RECORD EXCERPTS START

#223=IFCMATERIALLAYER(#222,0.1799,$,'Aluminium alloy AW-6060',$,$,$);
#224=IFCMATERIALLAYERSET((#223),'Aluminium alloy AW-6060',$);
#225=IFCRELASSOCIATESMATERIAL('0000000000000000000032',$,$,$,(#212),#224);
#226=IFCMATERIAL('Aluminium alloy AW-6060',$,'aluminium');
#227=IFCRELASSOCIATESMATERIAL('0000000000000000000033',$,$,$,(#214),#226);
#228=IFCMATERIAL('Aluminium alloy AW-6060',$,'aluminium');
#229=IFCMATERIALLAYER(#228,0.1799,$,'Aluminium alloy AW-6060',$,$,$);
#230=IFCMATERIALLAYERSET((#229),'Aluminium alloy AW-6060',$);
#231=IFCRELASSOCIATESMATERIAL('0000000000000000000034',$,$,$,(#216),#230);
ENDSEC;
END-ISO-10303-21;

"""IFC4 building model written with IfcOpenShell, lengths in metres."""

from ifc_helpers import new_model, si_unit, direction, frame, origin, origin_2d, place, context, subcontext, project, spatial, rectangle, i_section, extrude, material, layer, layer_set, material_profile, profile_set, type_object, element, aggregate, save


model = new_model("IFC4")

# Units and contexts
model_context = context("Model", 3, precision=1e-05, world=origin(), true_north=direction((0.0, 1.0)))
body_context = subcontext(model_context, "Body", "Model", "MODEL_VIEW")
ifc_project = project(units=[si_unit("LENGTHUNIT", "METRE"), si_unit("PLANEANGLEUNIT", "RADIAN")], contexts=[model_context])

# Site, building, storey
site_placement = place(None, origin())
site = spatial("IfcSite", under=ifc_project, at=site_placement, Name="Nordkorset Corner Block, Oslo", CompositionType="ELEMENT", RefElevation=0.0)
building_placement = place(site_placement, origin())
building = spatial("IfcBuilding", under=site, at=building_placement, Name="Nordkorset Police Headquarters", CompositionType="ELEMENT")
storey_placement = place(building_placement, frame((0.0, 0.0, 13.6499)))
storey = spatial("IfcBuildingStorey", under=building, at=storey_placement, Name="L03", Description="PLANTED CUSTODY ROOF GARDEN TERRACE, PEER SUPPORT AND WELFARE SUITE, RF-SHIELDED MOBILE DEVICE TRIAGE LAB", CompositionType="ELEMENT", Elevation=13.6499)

RECORD EXCERPTS END

§ TASK INSTRUCTIONS
Using the entries above, quote each line verbatim from the first through the line that contains "site_placement = place(None, origin())".

§ PROBLEM SOLUTION
#223=IFCMATERIALLAYER(#222,0.1799,$,'Aluminium alloy AW-6060',$,$,$);
#224=IFCMATERIALLAYERSET((#223),'Aluminium alloy AW-6060',$);
#225=IFCRELASSOCIATESMATERIAL('0000000000000000000032',$,$,$,(#212),#224);
#226=IFCMATERIAL('Aluminium alloy AW-6060',$,'aluminium');
#227=IFCRELASSOCIATESMATERIAL('0000000000000000000033',$,$,$,(#214),#226);
#228=IFCMATERIAL('Aluminium alloy AW-6060',$,'aluminium');
#229=IFCMATERIALLAYER(#228,0.1799,$,'Aluminium alloy AW-6060',$,$,$);
#230=IFCMATERIALLAYERSET((#229),'Aluminium alloy AW-6060',$);
#231=IFCRELASSOCIATESMATERIAL('0000000000000000000034',$,$,$,(#216),#230);
ENDSEC;
END-ISO-10303-21;

"""IFC4 building model written with IfcOpenShell, lengths in metres."""

from ifc_helpers import new_model, si_unit, direction, frame, origin, origin_2d, place, context, subcontext, project, spatial, rectangle, i_section, extrude, material, layer, layer_set, material_profile, profile_set, type_object, element, aggregate, save


model = new_model("IFC4")

# Units and contexts
model_context = context("Model", 3, precision=1e-05, world=origin(), true_north=direction((0.0, 1.0)))
body_context = subcontext(model_context, "Body", "Model", "MODEL_VIEW")
ifc_project = project(units=[si_unit("LENGTHUNIT", "METRE"), si_unit("PLANEANGLEUNIT", "RADIAN")], contexts=[model_context])

# Site, building, storey
site_placement = place(None, origin())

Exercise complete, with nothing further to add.